Brief: Repeat the entries below exactly. Begin with the first line and end with the line that contains "#33=IFCINDEXEDPOLYGONALFACE((1,3,15,13));".

Entries taken from a collection

*****

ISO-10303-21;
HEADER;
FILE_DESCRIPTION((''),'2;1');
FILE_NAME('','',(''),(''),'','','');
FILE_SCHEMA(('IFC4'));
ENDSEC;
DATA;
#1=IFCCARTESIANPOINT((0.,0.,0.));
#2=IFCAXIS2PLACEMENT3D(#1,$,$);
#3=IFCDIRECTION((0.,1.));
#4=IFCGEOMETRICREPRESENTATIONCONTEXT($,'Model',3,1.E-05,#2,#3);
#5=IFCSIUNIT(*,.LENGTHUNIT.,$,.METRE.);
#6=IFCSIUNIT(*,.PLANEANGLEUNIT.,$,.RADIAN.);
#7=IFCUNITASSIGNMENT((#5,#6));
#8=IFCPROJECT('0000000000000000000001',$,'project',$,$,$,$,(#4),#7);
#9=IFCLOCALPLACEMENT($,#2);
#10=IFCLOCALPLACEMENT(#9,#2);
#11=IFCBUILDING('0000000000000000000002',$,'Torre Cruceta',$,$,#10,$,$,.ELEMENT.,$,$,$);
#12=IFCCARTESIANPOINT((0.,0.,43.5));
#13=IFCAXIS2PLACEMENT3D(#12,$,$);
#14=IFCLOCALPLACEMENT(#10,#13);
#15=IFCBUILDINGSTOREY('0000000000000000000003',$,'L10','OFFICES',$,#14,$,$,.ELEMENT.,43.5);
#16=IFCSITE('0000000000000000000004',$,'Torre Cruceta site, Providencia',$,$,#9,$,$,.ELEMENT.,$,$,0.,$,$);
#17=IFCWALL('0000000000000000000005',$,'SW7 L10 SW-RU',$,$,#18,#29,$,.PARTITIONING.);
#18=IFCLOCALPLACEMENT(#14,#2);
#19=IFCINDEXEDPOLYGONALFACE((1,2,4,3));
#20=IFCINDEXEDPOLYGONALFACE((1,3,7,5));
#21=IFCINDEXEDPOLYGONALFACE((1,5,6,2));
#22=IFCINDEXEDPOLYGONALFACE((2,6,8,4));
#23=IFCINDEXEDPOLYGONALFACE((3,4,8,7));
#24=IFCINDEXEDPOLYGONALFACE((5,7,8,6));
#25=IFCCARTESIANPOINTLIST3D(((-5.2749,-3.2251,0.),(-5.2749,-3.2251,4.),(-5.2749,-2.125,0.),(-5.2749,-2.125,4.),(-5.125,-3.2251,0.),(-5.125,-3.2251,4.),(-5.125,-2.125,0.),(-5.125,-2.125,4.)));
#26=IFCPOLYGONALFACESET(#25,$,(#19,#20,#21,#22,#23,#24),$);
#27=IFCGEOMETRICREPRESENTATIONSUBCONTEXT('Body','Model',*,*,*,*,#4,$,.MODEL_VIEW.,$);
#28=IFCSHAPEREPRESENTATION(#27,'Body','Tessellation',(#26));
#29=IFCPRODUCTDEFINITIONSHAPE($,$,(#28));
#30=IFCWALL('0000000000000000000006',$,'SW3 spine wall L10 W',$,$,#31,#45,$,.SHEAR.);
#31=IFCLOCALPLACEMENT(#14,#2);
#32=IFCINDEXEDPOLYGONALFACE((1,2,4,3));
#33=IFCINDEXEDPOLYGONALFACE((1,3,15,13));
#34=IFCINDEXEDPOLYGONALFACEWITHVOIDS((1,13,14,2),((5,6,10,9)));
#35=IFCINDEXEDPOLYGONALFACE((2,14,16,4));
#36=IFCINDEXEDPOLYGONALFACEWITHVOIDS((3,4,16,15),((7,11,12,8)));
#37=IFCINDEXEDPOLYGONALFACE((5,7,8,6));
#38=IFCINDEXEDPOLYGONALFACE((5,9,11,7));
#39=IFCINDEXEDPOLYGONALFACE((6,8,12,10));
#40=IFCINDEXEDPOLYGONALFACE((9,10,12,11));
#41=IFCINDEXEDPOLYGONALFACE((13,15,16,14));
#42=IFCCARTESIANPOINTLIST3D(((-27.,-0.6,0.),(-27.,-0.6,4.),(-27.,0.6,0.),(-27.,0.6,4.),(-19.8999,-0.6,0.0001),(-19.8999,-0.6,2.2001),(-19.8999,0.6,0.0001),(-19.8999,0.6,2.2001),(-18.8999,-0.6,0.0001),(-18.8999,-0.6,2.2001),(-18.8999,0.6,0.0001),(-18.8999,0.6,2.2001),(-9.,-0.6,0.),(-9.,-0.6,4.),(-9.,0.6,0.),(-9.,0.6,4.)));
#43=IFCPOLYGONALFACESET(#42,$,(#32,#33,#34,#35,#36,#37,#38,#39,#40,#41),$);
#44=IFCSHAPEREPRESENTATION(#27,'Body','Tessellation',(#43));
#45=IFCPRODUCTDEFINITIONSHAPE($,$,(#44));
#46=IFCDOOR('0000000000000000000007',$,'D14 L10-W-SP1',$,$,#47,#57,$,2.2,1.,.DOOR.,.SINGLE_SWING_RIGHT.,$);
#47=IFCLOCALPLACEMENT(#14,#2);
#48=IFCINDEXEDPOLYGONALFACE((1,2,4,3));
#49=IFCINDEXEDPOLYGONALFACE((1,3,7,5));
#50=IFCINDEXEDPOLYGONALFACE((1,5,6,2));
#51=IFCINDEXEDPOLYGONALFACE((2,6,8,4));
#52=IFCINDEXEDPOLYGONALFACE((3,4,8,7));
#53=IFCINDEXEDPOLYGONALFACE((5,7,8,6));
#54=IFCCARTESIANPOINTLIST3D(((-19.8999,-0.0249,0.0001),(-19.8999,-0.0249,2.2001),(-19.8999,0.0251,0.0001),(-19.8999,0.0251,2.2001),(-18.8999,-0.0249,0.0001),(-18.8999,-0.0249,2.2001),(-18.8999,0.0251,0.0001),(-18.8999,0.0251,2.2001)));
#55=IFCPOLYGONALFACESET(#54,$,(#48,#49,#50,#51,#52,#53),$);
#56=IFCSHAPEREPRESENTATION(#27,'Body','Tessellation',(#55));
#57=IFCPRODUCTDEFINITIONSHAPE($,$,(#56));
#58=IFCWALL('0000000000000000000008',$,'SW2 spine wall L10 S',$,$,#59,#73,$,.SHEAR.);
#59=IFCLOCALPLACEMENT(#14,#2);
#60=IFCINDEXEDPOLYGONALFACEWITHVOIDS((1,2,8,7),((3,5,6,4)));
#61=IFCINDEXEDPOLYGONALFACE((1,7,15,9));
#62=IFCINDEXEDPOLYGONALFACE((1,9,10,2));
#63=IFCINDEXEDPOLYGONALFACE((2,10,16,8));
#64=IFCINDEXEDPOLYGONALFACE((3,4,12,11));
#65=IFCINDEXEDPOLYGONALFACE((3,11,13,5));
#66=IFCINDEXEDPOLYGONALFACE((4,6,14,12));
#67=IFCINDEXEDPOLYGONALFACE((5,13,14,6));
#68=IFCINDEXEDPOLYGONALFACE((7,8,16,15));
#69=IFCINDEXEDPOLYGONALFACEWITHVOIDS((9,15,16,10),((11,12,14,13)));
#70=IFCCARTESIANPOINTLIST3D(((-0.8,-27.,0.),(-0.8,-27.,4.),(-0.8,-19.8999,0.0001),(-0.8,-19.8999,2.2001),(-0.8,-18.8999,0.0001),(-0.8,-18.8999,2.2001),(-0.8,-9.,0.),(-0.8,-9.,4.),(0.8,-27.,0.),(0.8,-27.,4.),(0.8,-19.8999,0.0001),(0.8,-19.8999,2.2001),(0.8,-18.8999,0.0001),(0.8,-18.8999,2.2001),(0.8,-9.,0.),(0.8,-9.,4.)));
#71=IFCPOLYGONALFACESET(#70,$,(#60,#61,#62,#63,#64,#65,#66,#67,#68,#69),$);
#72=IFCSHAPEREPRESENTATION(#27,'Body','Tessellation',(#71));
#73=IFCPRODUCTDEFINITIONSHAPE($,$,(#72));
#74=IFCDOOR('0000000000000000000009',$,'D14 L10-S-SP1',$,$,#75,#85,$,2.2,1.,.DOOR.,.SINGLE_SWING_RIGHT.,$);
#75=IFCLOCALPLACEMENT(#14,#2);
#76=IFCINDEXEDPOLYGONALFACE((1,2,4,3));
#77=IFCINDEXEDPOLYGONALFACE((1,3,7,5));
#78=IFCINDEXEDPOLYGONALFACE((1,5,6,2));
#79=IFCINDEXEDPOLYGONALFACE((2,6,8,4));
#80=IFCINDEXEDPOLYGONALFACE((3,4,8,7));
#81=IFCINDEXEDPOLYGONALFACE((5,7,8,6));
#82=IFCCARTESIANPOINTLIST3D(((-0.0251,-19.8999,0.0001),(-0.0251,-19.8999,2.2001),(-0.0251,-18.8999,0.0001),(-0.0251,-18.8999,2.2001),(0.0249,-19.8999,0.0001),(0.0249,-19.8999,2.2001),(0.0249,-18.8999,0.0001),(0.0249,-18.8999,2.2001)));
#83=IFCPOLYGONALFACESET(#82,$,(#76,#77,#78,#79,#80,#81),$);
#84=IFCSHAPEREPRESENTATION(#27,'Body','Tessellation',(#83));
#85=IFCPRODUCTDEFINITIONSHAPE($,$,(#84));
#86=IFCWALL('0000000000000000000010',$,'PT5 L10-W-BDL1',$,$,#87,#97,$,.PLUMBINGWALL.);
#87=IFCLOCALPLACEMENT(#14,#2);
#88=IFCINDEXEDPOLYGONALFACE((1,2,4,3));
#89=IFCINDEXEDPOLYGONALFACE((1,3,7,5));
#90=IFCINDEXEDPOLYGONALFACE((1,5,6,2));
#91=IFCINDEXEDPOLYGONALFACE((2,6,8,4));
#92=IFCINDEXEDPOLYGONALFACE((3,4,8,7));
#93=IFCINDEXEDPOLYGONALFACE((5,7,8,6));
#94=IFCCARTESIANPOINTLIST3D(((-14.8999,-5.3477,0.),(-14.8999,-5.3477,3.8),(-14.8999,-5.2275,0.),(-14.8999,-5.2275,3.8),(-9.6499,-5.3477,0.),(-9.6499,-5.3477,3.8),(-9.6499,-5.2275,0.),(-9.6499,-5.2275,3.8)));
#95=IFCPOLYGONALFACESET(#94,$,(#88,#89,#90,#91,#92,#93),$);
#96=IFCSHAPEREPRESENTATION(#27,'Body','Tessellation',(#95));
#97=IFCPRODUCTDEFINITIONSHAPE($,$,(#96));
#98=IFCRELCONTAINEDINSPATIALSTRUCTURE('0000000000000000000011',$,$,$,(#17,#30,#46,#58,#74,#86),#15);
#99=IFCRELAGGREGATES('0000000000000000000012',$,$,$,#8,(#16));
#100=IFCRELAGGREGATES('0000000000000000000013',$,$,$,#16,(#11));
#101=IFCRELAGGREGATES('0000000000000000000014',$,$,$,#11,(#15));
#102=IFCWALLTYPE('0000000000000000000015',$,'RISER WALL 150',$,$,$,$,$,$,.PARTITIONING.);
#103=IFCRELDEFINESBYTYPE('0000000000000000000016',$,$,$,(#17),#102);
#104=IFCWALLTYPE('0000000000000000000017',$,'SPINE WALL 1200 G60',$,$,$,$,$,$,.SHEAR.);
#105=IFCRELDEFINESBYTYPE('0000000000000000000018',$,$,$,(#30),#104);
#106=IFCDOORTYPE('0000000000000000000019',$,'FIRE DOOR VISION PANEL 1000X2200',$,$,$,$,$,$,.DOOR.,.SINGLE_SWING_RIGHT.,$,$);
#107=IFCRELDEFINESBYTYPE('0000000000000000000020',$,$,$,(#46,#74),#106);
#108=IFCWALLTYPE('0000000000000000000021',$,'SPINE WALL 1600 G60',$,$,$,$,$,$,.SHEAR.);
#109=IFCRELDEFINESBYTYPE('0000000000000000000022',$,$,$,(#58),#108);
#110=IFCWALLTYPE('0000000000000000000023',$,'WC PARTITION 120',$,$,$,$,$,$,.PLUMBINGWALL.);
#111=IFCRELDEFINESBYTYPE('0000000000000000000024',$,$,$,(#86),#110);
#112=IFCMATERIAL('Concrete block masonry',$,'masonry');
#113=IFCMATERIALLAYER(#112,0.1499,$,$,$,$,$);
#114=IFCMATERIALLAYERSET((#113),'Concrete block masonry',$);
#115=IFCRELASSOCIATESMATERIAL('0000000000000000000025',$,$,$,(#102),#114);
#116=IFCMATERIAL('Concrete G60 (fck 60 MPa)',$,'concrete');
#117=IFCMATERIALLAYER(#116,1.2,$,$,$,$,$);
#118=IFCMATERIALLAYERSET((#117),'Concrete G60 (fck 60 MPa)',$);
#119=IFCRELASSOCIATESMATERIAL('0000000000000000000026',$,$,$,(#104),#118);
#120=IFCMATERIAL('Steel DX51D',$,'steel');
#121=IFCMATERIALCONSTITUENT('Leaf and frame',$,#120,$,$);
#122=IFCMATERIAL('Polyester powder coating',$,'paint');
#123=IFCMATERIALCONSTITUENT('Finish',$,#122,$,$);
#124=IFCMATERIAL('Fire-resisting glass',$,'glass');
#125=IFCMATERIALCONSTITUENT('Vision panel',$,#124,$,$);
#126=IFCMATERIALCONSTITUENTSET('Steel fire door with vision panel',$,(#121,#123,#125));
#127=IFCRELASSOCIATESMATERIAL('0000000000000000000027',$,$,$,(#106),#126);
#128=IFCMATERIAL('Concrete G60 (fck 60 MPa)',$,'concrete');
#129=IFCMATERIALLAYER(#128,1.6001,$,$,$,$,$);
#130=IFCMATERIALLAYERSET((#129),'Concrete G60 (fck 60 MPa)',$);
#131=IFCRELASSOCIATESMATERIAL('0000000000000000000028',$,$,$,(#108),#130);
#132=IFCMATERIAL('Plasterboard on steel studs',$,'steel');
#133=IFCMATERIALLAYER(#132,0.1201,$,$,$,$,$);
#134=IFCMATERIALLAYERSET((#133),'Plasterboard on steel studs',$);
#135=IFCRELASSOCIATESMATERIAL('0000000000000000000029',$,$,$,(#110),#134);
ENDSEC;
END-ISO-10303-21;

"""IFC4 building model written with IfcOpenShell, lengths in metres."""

from ifc_helpers import new_model, si_unit, direction, frame, frame_2d, origin, place, context, subcontext, project, spatial, rectangle, extrude, material, layer, layer_set, constituent, constituent_set, type_object, element, fill, save


model = new_model("IFC4")

# Units and contexts
model_context = context("Model", 3, precision=1e-05, world=origin(), true_north=direction((0.0, 1.0)))
body_context = subcontext(model_context, "Body", "Model", "MODEL_VIEW")
ifc_project = project(units=[si_unit("LENGTHUNIT", "METRE"), si_unit("PLANEANGLEUNIT", "RADIAN")], contexts=[model_context])

# Site, building, storey
site_placement = place(None, origin())
site = spatial("IfcSite", under=ifc_project, at=site_placement, Name="Torre Cruceta site, Providencia", CompositionType="ELEMENT", RefElevation=0.0)
building_placement = place(site_placement, origin())
building = spatial("IfcBuilding", under=site, at=building_placement, Name="Torre Cruceta", CompositionType="ELEMENT")
storey_placement = place(building_placement, frame((0.0, 0.0, 43.5)))
storey = spatial("IfcBuildingStorey", under=building, at=storey_placement, Name="L10", Description="OFFICES", CompositionType="ELEMENT", Elevation=43.5)

# Shared definitions
ifc_material_1 = material(Name="Concrete block masonry", Category="masonry")
ifc_layer_1 = layer(ifc_material_1, 0.1499)
ifc_layer_set_1 = layer_set([ifc_layer_1], Name="Concrete block masonry")
wall_type_1 = type_object("IfcWallType", Name="RISER WALL 150", PredefinedType="PARTITIONING", material=ifc_layer_set_1)

# Wall
wall_1_placement = place(storey_placement, frame((-5.2, -2.125, 0.0), z_axis=(0.0, 0.0, 1.0), x_axis=(0.0, -1.0, 0.0)))
element("IfcWall", 1, at=wall_1_placement, inside=storey, type_object=wall_type_1, Name="SW7 L10 SW-RU", PredefinedType="PARTITIONING", context=body_context, shape_type="SweptSolid", body=[
    extrude(rectangle(XDim=1.1001, YDim=0.1499, at=frame_2d((0.55, 0.0))), origin(), (0.0, 0.0, 1.0), 4.0),
])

*****

Solution to the problem:
ISO-10303-21;
HEADER;
FILE_DESCRIPTION((''),'2;1');
FILE_NAME('','',(''),(''),'','','');
FILE_SCHEMA(('IFC4'));
ENDSEC;
DATA;
#1=IFCCARTESIANPOINT((0.,0.,0.));
#2=IFCAXIS2PLACEMENT3D(#1,$,$);
#3=IFCDIRECTION((0.,1.));
#4=IFCGEOMETRICREPRESENTATIONCONTEXT($,'Model',3,1.E-05,#2,#3);
#5=IFCSIUNIT(*,.LENGTHUNIT.,$,.METRE.);
#6=IFCSIUNIT(*,.PLANEANGLEUNIT.,$,.RADIAN.);
#7=IFCUNITASSIGNMENT((#5,#6));
#8=IFCPROJECT('0000000000000000000001',$,'project',$,$,$,$,(#4),#7);
#9=IFCLOCALPLACEMENT($,#2);
#10=IFCLOCALPLACEMENT(#9,#2);
#11=IFCBUILDING('0000000000000000000002',$,'Torre Cruceta',$,$,#10,$,$,.ELEMENT.,$,$,$);
#12=IFCCARTESIANPOINT((0.,0.,43.5));
#13=IFCAXIS2PLACEMENT3D(#12,$,$);
#14=IFCLOCALPLACEMENT(#10,#13);
#15=IFCBUILDINGSTOREY('0000000000000000000003',$,'L10','OFFICES',$,#14,$,$,.ELEMENT.,43.5);
#16=IFCSITE('0000000000000000000004',$,'Torre Cruceta site, Providencia',$,$,#9,$,$,.ELEMENT.,$,$,0.,$,$);
#17=IFCWALL('0000000000000000000005',$,'SW7 L10 SW-RU',$,$,#18,#29,$,.PARTITIONING.);
#18=IFCLOCALPLACEMENT(#14,#2);
#19=IFCINDEXEDPOLYGONALFACE((1,2,4,3));
#20=IFCINDEXEDPOLYGONALFACE((1,3,7,5));
#21=IFCINDEXEDPOLYGONALFACE((1,5,6,2));
#22=IFCINDEXEDPOLYGONALFACE((2,6,8,4));
#23=IFCINDEXEDPOLYGONALFACE((3,4,8,7));
#24=IFCINDEXEDPOLYGONALFACE((5,7,8,6));
#25=IFCCARTESIANPOINTLIST3D(((-5.2749,-3.2251,0.),(-5.2749,-3.2251,4.),(-5.2749,-2.125,0.),(-5.2749,-2.125,4.),(-5.125,-3.2251,0.),(-5.125,-3.2251,4.),(-5.125,-2.125,0.),(-5.125,-2.125,4.)));
#26=IFCPOLYGONALFACESET(#25,$,(#19,#20,#21,#22,#23,#24),$);
#27=IFCGEOMETRICREPRESENTATIONSUBCONTEXT('Body','Model',*,*,*,*,#4,$,.MODEL_VIEW.,$);
#28=IFCSHAPEREPRESENTATION(#27,'Body','Tessellation',(#26));
#29=IFCPRODUCTDEFINITIONSHAPE($,$,(#28));
#30=IFCWALL('0000000000000000000006',$,'SW3 spine wall L10 W',$,$,#31,#45,$,.SHEAR.);
#31=IFCLOCALPLACEMENT(#14,#2);
#32=IFCINDEXEDPOLYGONALFACE((1,2,4,3));
#33=IFCINDEXEDPOLYGONALFACE((1,3,15,13));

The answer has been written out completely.